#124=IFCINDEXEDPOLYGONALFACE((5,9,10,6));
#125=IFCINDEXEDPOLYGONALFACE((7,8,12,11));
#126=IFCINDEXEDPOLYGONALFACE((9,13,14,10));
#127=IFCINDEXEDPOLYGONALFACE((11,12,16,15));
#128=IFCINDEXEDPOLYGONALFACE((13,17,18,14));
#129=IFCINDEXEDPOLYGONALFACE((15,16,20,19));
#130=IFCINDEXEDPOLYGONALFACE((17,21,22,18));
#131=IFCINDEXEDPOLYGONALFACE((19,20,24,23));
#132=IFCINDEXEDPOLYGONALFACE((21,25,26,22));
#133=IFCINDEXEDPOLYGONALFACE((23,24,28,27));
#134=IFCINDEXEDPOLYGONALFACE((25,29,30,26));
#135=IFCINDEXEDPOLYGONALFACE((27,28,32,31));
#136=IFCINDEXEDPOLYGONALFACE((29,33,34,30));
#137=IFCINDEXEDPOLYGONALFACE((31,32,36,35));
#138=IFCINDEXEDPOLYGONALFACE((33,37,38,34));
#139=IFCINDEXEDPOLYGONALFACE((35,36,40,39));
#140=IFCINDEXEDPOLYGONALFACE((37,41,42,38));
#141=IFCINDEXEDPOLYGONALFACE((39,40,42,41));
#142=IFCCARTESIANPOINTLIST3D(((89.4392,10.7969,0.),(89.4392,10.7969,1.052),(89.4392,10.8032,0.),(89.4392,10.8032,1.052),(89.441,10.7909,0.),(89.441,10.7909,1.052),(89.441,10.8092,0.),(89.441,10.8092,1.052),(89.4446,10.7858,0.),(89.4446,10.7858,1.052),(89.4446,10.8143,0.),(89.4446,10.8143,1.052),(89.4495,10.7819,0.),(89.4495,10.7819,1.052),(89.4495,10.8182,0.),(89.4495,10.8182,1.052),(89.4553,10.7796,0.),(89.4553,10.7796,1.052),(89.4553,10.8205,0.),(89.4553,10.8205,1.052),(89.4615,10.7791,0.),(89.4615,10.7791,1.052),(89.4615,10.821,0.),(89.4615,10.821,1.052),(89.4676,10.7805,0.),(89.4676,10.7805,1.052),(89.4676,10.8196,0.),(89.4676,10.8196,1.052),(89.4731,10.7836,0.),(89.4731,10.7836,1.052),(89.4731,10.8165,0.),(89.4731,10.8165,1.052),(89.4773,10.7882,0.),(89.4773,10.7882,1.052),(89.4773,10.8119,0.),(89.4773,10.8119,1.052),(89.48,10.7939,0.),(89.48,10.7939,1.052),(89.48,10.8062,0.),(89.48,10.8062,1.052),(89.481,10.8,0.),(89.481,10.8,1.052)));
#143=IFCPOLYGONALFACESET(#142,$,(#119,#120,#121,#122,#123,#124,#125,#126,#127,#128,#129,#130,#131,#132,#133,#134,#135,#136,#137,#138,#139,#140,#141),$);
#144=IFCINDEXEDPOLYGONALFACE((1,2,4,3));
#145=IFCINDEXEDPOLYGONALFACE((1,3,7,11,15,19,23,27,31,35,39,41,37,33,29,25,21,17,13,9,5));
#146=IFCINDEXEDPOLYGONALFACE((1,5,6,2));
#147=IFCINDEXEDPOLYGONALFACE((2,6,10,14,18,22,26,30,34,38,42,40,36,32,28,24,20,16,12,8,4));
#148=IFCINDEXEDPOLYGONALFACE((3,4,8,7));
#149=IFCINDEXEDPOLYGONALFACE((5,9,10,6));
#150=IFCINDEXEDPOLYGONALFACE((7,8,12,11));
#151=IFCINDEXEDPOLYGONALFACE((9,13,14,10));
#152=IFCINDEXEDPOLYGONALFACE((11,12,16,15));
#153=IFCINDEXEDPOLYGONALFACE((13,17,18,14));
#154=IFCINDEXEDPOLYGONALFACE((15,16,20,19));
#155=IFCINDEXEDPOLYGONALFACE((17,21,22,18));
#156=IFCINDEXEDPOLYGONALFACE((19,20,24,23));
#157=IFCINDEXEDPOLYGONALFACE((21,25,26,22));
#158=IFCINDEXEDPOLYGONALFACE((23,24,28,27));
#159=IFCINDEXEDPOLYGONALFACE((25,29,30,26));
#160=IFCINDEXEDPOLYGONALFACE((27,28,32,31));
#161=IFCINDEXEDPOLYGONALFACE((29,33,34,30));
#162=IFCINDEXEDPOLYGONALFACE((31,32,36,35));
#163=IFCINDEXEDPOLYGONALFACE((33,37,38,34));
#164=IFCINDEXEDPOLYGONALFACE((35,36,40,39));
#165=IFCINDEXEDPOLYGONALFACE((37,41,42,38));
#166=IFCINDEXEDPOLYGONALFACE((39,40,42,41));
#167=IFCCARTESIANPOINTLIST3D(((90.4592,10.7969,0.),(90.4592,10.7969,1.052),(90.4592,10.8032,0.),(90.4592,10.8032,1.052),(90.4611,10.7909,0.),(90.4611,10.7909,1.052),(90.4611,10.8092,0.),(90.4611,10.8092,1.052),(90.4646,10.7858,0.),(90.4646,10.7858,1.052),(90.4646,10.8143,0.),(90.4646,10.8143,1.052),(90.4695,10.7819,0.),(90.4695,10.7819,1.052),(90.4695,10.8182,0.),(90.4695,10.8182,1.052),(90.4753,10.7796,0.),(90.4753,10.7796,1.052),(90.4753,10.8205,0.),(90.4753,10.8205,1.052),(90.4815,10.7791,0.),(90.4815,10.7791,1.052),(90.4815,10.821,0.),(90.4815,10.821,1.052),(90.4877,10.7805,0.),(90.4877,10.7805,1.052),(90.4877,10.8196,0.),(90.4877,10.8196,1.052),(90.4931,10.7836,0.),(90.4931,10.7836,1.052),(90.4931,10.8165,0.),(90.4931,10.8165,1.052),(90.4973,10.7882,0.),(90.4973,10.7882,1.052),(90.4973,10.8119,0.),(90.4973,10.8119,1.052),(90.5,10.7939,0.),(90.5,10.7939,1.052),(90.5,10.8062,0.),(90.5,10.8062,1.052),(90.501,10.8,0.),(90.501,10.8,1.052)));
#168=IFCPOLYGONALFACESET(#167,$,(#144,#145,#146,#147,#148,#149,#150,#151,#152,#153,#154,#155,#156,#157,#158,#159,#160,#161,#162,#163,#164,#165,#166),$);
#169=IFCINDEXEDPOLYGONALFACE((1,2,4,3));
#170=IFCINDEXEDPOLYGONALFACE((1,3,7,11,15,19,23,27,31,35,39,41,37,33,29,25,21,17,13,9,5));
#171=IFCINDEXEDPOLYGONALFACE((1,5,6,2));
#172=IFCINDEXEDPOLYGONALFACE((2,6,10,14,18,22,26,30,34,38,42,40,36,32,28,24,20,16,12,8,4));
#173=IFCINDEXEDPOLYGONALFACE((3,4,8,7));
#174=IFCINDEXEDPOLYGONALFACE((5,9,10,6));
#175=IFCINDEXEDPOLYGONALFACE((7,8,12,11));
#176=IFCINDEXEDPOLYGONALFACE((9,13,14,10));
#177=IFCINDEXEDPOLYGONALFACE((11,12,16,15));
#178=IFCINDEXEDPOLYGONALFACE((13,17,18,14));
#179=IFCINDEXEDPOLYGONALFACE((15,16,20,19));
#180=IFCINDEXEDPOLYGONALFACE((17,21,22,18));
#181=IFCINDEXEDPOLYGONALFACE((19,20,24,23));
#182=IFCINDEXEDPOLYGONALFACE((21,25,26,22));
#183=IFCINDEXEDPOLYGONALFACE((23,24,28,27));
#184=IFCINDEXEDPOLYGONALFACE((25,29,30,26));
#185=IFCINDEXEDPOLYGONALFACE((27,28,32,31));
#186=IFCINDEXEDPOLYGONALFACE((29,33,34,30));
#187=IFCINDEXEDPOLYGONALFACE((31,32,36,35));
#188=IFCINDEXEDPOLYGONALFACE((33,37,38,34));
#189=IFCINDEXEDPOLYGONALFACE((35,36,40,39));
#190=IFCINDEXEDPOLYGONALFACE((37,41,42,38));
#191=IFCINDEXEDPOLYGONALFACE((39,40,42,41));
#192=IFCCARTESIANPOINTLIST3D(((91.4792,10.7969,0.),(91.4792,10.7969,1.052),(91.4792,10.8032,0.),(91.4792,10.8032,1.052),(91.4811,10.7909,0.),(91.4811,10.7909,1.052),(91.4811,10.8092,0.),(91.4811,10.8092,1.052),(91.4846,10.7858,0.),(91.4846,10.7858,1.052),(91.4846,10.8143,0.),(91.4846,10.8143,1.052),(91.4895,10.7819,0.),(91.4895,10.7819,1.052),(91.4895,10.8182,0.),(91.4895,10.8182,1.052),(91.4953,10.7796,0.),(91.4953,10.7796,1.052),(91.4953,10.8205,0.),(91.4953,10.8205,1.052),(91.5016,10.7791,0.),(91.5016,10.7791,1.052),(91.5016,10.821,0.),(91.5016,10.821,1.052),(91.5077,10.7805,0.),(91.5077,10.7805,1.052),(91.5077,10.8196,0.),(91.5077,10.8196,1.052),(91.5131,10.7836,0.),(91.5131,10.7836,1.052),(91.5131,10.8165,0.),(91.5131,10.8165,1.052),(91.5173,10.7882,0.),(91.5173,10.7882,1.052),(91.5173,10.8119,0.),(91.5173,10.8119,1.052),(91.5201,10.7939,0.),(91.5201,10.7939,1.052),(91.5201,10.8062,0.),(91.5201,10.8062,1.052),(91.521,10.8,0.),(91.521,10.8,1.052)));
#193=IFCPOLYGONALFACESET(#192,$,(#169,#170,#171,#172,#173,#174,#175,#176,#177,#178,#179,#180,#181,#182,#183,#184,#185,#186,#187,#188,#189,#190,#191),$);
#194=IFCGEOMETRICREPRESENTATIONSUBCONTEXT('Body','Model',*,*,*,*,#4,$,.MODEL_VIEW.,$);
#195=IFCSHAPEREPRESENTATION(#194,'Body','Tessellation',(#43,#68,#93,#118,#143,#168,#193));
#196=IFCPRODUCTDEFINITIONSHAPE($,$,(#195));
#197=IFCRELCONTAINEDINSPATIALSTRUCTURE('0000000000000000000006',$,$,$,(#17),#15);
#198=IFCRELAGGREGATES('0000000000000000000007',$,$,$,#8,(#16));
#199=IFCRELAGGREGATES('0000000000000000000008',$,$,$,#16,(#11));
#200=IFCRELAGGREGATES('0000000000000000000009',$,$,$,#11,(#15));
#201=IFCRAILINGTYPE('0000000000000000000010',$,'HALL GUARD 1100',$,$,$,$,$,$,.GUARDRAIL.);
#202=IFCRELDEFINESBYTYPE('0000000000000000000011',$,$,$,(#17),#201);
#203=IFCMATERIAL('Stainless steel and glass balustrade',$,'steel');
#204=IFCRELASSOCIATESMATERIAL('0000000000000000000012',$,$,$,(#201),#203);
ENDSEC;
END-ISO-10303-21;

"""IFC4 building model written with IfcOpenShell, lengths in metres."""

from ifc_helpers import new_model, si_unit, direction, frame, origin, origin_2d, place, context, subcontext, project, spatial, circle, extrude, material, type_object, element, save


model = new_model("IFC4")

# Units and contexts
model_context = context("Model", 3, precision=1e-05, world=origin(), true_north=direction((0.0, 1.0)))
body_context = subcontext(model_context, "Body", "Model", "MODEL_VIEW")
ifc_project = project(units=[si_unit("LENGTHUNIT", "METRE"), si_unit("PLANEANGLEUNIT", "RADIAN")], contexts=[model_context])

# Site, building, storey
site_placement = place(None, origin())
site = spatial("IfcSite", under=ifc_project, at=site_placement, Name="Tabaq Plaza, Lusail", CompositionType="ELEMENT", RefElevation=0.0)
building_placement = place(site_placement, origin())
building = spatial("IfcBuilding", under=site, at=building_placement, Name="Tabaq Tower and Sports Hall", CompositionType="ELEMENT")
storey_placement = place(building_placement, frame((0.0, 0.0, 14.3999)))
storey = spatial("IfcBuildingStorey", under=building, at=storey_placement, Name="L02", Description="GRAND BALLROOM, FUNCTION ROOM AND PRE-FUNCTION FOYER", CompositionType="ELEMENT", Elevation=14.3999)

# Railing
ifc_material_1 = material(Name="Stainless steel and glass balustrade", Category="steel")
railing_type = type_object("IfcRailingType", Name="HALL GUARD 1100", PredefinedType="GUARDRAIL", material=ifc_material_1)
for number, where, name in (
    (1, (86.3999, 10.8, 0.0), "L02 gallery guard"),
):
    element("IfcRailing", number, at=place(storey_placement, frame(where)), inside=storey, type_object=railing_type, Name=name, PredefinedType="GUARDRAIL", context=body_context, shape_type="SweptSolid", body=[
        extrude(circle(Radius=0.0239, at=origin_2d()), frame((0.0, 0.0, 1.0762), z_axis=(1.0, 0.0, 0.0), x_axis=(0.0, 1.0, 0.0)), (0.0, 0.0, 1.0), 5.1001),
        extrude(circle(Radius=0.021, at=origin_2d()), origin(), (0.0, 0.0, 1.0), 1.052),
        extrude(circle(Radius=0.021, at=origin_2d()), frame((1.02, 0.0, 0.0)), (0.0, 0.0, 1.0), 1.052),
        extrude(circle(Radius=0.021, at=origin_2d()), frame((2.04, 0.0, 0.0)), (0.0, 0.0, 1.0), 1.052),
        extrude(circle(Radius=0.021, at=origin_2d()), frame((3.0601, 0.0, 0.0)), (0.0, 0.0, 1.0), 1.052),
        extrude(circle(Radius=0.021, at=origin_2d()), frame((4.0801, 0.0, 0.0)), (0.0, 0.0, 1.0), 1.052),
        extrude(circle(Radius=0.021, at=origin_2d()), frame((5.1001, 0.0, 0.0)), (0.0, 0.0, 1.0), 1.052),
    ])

[Work to be completed]:
Please copy, exactly as written, every line in the listing above from the line with "#150=IFCINDEXEDPOLYGONALFACE((7,8,12,11));" up to and including the line with "#166=IFCINDEXEDPOLYGONALFACE((39,40,42,41));".

[Output]:
#150=IFCINDEXEDPOLYGONALFACE((7,8,12,11));
#151=IFCINDEXEDPOLYGONALFACE((9,13,14,10));
#152=IFCINDEXEDPOLYGONALFACE((11,12,16,15));
#153=IFCINDEXEDPOLYGONALFACE((13,17,18,14));
#154=IFCINDEXEDPOLYGONALFACE((15,16,20,19));
#155=IFCINDEXEDPOLYGONALFACE((17,21,22,18));
#156=IFCINDEXEDPOLYGONALFACE((19,20,24,23));
#157=IFCINDEXEDPOLYGONALFACE((21,25,26,22));
#158=IFCINDEXEDPOLYGONALFACE((23,24,28,27));
#159=IFCINDEXEDPOLYGONALFACE((25,29,30,26));
#160=IFCINDEXEDPOLYGONALFACE((27,28,32,31));
#161=IFCINDEXEDPOLYGONALFACE((29,33,34,30));
#162=IFCINDEXEDPOLYGONALFACE((31,32,36,35));
#163=IFCINDEXEDPOLYGONALFACE((33,37,38,34));
#164=IFCINDEXEDPOLYGONALFACE((35,36,40,39));
#165=IFCINDEXEDPOLYGONALFACE((37,41,42,38));
#166=IFCINDEXEDPOLYGONALFACE((39,40,42,41));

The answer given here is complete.